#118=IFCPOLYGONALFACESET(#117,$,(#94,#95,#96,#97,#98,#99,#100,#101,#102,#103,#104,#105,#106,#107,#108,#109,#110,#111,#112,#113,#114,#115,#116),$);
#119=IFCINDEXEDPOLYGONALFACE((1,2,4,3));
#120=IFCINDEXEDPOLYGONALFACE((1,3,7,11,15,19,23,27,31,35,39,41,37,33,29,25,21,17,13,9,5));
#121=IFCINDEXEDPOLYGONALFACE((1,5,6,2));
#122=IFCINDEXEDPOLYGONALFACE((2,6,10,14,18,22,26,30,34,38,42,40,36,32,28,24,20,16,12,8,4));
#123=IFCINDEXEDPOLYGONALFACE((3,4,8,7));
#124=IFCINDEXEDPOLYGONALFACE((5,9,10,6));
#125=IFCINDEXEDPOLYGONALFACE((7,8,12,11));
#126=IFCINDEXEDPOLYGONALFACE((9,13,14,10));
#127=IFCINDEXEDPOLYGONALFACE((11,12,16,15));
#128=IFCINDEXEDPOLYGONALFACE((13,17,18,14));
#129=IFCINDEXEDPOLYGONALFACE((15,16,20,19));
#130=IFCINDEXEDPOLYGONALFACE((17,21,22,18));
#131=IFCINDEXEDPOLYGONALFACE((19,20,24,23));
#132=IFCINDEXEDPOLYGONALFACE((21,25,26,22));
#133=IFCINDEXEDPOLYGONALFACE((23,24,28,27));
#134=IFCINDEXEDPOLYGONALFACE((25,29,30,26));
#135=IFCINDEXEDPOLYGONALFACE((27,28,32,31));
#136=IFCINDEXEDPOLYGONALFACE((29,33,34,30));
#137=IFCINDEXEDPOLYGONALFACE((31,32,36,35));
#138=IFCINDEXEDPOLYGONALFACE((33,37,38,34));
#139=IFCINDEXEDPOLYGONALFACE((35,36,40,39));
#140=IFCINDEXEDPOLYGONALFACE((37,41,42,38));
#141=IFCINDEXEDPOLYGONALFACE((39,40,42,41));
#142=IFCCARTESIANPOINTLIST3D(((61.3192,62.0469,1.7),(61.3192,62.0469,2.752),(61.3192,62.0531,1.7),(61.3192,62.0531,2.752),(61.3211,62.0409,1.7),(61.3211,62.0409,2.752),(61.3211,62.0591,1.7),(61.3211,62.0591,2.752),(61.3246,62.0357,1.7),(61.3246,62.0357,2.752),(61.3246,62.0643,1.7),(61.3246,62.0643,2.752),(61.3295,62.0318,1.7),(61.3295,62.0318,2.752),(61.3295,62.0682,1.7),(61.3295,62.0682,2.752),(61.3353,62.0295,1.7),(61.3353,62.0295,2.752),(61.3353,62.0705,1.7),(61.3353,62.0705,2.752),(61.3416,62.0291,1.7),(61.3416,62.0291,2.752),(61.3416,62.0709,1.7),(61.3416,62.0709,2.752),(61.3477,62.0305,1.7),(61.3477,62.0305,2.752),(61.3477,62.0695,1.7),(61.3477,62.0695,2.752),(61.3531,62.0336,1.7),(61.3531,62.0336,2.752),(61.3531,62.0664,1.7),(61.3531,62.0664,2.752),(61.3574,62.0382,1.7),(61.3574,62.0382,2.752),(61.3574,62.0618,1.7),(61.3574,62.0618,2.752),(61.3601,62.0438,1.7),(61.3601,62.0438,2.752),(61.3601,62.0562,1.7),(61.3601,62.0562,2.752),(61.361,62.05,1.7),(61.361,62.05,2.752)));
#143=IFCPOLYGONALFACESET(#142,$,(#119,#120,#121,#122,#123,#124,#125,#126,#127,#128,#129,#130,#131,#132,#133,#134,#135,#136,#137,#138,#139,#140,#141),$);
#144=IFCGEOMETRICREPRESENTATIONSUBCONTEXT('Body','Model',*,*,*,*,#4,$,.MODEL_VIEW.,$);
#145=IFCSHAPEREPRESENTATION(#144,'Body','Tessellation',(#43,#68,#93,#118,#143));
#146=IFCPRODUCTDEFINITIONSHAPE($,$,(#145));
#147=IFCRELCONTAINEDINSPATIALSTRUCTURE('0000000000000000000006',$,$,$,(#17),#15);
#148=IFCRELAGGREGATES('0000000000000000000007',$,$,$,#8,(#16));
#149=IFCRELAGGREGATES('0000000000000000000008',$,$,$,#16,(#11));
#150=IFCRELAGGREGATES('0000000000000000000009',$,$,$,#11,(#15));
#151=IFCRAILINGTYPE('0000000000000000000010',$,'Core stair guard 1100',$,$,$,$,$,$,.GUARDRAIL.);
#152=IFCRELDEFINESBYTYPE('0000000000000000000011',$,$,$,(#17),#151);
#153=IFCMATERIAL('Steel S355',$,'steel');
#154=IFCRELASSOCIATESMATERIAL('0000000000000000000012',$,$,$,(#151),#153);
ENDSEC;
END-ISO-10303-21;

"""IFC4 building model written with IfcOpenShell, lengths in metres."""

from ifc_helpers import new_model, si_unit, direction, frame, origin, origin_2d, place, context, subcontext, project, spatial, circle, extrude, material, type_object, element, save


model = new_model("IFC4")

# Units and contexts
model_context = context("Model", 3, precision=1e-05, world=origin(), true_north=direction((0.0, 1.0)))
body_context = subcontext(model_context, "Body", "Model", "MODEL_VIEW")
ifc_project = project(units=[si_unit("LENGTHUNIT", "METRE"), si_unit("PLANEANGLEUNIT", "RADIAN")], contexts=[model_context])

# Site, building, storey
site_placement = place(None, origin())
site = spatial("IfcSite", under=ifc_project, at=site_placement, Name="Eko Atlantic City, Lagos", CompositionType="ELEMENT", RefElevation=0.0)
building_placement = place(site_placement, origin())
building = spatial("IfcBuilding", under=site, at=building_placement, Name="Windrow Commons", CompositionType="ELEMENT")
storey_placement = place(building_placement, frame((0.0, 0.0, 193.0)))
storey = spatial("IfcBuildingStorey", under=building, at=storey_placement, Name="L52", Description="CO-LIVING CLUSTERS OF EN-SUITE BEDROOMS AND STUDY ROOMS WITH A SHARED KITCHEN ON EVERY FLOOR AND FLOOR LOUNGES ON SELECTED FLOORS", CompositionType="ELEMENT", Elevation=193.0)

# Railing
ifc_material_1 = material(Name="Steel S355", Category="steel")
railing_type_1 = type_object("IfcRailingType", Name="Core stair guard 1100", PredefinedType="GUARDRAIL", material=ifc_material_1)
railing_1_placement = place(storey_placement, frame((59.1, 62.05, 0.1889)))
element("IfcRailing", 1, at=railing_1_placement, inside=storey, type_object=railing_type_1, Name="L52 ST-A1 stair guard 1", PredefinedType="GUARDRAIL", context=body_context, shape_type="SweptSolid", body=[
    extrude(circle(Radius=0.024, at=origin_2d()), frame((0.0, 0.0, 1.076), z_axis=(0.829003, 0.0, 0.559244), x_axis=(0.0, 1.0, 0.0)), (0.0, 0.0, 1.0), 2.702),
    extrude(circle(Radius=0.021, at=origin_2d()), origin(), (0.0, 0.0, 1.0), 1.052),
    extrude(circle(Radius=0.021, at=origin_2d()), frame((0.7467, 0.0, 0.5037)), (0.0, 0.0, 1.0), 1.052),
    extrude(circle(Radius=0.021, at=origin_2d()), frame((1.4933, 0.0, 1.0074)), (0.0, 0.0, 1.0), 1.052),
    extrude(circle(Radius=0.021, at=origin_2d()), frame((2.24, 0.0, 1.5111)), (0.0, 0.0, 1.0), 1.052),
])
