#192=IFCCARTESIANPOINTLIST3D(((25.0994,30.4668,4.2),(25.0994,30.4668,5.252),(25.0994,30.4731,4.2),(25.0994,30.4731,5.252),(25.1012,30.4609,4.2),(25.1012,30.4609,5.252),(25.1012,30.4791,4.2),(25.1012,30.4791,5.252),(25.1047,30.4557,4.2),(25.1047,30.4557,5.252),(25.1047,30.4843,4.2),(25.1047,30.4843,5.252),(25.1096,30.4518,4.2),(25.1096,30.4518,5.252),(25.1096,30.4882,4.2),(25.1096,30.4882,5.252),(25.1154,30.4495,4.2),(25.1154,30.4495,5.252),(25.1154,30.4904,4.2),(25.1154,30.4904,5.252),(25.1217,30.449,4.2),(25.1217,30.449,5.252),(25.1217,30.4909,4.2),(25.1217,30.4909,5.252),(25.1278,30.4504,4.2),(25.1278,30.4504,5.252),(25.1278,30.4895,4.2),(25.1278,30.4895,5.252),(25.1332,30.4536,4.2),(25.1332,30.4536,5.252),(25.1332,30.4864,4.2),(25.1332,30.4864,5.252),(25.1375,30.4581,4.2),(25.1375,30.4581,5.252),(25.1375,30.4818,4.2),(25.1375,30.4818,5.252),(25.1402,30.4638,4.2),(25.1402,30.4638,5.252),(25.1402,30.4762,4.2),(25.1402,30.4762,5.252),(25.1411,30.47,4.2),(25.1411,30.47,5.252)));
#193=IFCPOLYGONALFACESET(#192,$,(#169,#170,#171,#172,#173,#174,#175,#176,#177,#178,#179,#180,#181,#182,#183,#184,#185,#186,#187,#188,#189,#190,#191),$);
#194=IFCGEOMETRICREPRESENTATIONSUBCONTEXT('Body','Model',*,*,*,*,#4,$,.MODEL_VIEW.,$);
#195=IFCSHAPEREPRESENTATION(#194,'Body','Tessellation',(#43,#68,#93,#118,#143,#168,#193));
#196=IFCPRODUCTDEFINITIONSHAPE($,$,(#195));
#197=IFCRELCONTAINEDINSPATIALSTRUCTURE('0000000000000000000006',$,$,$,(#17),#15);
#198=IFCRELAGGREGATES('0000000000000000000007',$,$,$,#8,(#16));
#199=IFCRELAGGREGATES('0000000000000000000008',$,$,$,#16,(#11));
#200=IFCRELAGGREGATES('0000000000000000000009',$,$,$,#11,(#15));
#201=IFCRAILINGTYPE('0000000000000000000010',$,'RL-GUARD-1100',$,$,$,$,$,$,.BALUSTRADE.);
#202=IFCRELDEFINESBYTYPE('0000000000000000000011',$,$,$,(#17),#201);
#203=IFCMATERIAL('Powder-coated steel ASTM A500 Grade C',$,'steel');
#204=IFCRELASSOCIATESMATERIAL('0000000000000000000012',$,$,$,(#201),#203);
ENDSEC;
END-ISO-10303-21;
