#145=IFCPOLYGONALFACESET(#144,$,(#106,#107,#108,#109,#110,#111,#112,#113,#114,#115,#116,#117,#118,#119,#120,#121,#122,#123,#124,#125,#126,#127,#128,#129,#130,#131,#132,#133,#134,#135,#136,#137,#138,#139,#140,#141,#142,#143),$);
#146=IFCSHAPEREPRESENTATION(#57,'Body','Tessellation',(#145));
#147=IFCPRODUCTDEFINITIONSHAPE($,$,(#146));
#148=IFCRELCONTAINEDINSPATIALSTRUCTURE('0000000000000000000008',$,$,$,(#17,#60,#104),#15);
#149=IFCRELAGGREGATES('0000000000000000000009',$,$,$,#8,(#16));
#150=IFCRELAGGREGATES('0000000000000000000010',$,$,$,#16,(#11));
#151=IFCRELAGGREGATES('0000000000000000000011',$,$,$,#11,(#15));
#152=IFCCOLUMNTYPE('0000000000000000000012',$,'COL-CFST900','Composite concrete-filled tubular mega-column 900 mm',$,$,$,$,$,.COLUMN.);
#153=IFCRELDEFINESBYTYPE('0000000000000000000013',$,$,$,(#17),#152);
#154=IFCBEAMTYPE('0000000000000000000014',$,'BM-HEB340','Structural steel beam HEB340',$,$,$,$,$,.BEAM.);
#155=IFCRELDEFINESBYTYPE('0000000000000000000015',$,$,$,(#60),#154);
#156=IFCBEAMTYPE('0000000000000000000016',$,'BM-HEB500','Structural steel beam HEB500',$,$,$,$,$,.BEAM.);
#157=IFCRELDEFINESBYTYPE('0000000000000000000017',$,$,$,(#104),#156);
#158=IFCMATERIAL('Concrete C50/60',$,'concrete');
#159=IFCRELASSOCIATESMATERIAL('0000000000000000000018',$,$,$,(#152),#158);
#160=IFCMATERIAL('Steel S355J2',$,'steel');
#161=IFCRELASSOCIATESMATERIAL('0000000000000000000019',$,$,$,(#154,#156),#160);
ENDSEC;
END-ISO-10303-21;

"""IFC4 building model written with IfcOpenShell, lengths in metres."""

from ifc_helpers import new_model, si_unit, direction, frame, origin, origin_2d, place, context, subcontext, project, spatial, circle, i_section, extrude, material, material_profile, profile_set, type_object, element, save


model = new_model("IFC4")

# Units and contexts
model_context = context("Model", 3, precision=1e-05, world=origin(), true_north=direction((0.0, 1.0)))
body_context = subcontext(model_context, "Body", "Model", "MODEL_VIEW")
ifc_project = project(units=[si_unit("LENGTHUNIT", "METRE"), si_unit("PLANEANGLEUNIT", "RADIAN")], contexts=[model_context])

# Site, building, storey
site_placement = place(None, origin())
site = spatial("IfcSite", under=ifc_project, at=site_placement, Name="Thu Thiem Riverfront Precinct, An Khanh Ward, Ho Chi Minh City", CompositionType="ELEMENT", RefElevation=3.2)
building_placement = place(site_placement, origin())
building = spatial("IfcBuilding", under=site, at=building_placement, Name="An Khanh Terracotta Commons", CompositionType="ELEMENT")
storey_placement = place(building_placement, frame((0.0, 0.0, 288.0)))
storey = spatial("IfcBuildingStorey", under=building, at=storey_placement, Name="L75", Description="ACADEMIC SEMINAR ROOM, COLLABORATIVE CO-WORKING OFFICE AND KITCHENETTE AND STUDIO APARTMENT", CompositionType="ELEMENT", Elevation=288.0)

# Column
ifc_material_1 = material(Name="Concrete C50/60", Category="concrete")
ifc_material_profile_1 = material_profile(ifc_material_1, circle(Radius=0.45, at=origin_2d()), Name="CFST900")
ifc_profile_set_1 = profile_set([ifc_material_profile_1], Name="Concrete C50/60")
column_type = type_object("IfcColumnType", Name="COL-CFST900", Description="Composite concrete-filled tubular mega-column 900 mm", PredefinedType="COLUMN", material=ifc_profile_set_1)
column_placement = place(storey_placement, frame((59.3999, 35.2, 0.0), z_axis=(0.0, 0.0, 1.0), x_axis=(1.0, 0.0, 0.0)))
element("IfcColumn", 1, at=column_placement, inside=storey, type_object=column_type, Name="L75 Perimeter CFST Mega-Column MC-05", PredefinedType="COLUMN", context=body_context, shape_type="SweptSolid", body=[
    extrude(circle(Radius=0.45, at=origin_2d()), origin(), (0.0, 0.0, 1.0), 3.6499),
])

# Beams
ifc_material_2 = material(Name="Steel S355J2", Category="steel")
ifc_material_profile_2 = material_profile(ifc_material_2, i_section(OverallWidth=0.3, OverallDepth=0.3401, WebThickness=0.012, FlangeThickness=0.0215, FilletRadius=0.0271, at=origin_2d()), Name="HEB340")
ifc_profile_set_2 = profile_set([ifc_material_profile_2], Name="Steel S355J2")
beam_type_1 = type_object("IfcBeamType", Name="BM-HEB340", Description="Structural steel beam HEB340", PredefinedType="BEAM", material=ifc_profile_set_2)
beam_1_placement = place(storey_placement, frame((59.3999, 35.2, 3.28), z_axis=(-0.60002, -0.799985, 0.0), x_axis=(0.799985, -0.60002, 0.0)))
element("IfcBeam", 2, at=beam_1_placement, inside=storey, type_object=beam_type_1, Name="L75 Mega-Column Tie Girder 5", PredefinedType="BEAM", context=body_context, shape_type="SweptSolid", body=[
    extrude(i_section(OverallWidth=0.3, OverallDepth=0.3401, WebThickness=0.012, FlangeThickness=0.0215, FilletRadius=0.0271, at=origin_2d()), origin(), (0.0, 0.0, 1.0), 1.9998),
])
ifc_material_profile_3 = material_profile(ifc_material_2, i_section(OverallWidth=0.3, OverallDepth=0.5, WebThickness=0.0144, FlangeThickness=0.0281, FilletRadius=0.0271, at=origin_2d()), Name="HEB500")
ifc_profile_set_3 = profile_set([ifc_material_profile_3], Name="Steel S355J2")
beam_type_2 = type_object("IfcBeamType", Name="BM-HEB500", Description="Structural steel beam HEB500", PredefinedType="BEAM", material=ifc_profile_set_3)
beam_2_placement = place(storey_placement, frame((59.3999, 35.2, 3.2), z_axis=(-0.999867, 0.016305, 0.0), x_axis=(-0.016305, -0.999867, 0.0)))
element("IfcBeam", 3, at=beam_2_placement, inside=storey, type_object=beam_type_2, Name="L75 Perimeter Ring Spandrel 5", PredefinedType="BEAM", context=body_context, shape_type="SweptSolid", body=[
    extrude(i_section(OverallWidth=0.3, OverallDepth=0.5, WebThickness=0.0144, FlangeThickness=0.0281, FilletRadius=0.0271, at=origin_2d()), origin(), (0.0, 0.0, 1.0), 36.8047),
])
^^^^^^^^^^^^^^^^
WORK TASK
In the records above, find every line with the word "IFCMATERIAL" and copy it.

WRITTEN SOLUTION
#153=IFCMATERIAL('Steel S355',$,'steel');
#203=IFCMATERIAL('Powder-coated steel ASTM A500 Grade C',$,'steel');
#158=IFCMATERIAL('Concrete C50/60',$,'concrete');
#160=IFCMATERIAL('Steel S355J2',$,'steel');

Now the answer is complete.